__EXERCISE GOAL__. Each line in the records that mentions the word "Category" needs to be listed.

Collected data:
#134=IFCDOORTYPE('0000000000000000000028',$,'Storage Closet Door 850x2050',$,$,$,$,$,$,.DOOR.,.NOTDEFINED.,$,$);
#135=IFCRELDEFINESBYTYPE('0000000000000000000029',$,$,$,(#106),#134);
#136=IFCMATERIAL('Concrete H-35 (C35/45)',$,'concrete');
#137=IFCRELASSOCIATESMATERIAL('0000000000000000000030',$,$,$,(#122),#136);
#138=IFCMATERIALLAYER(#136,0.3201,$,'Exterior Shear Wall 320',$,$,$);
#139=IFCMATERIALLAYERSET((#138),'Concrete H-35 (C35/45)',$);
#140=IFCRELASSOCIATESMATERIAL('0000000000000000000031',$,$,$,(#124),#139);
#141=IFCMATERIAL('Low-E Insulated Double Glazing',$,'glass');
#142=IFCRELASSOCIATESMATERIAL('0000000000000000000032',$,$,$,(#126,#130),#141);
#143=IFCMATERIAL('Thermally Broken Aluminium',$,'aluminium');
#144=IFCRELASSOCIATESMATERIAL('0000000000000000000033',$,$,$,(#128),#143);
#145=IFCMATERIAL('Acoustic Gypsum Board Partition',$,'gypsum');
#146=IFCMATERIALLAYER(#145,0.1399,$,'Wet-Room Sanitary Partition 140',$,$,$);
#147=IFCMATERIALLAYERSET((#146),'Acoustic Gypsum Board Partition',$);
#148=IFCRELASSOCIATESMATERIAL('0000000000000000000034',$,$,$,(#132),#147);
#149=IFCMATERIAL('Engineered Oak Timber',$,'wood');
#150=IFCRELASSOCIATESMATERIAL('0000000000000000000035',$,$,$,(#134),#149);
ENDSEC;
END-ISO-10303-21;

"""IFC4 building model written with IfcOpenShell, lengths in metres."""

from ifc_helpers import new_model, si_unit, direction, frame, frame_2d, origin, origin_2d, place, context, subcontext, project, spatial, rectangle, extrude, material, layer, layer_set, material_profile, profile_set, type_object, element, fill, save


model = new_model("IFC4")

...

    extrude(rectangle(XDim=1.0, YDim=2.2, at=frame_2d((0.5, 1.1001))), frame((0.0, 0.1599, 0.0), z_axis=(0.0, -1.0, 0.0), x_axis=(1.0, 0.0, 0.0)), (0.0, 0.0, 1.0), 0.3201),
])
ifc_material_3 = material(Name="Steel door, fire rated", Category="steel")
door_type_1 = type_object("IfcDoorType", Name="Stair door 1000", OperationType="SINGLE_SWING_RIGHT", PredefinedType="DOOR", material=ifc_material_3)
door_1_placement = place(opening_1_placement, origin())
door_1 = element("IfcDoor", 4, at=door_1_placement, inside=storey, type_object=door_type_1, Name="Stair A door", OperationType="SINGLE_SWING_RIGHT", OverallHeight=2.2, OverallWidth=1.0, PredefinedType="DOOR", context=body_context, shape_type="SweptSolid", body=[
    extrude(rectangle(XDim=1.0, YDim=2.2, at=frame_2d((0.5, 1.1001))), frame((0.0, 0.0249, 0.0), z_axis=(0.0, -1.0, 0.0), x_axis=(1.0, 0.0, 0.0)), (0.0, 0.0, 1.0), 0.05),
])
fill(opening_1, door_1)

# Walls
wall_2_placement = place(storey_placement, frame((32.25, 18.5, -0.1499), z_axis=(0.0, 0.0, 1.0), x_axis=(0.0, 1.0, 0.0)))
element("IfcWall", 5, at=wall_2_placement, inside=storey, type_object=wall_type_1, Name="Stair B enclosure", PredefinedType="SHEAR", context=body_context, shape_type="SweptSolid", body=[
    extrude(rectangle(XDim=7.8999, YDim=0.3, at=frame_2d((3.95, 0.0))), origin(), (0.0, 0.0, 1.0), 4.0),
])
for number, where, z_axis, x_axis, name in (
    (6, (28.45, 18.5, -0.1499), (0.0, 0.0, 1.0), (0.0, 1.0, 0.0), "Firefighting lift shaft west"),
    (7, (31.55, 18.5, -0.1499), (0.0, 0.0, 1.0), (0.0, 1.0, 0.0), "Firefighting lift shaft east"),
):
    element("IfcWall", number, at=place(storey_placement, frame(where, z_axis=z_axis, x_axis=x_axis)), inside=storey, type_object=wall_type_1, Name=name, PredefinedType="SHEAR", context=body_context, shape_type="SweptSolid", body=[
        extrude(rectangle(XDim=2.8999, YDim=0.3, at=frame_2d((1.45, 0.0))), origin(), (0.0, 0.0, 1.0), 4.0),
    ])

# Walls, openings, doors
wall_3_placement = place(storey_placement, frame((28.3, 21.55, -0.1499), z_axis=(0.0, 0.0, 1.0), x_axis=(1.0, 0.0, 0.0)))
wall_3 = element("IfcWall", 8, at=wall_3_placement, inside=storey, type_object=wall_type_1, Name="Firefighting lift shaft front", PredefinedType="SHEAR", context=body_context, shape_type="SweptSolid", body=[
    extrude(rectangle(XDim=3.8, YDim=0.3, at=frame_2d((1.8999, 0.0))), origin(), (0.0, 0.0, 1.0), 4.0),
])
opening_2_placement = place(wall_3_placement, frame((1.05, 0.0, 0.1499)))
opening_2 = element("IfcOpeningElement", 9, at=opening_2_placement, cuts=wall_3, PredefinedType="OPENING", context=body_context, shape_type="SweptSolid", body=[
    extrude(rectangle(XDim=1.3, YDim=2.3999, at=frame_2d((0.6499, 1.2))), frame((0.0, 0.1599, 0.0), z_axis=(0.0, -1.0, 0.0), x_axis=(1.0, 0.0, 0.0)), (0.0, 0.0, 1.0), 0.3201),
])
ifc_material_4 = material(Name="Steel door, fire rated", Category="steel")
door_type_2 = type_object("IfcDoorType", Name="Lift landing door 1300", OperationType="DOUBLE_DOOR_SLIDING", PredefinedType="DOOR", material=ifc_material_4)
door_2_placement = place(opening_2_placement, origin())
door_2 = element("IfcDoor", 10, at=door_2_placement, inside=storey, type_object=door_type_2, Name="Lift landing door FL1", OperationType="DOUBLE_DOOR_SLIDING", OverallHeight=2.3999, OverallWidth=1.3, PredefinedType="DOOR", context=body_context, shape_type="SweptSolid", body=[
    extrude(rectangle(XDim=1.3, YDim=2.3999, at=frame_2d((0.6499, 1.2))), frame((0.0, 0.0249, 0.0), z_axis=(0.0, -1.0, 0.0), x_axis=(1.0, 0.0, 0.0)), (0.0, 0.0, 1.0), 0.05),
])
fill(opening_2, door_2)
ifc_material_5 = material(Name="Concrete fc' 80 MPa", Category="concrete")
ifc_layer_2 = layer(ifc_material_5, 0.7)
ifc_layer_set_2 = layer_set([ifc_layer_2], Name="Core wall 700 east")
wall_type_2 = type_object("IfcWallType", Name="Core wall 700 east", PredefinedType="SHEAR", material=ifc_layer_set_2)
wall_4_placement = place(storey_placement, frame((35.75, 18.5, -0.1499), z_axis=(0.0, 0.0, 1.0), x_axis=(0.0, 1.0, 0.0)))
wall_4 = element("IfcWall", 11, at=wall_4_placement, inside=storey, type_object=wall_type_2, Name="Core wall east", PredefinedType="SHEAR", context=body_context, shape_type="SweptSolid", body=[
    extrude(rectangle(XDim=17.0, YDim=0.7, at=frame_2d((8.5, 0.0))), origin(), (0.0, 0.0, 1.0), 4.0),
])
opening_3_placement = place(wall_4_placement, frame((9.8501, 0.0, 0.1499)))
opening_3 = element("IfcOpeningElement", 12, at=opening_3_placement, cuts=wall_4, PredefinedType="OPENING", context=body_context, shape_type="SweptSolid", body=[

__RESULT FOR THIS TASK__.
ifc_material_3 = material(Name="Steel door, fire rated", Category="steel")
ifc_material_4 = material(Name="Steel door, fire rated", Category="steel")
ifc_material_5 = material(Name="Concrete fc' 80 MPa", Category="concrete")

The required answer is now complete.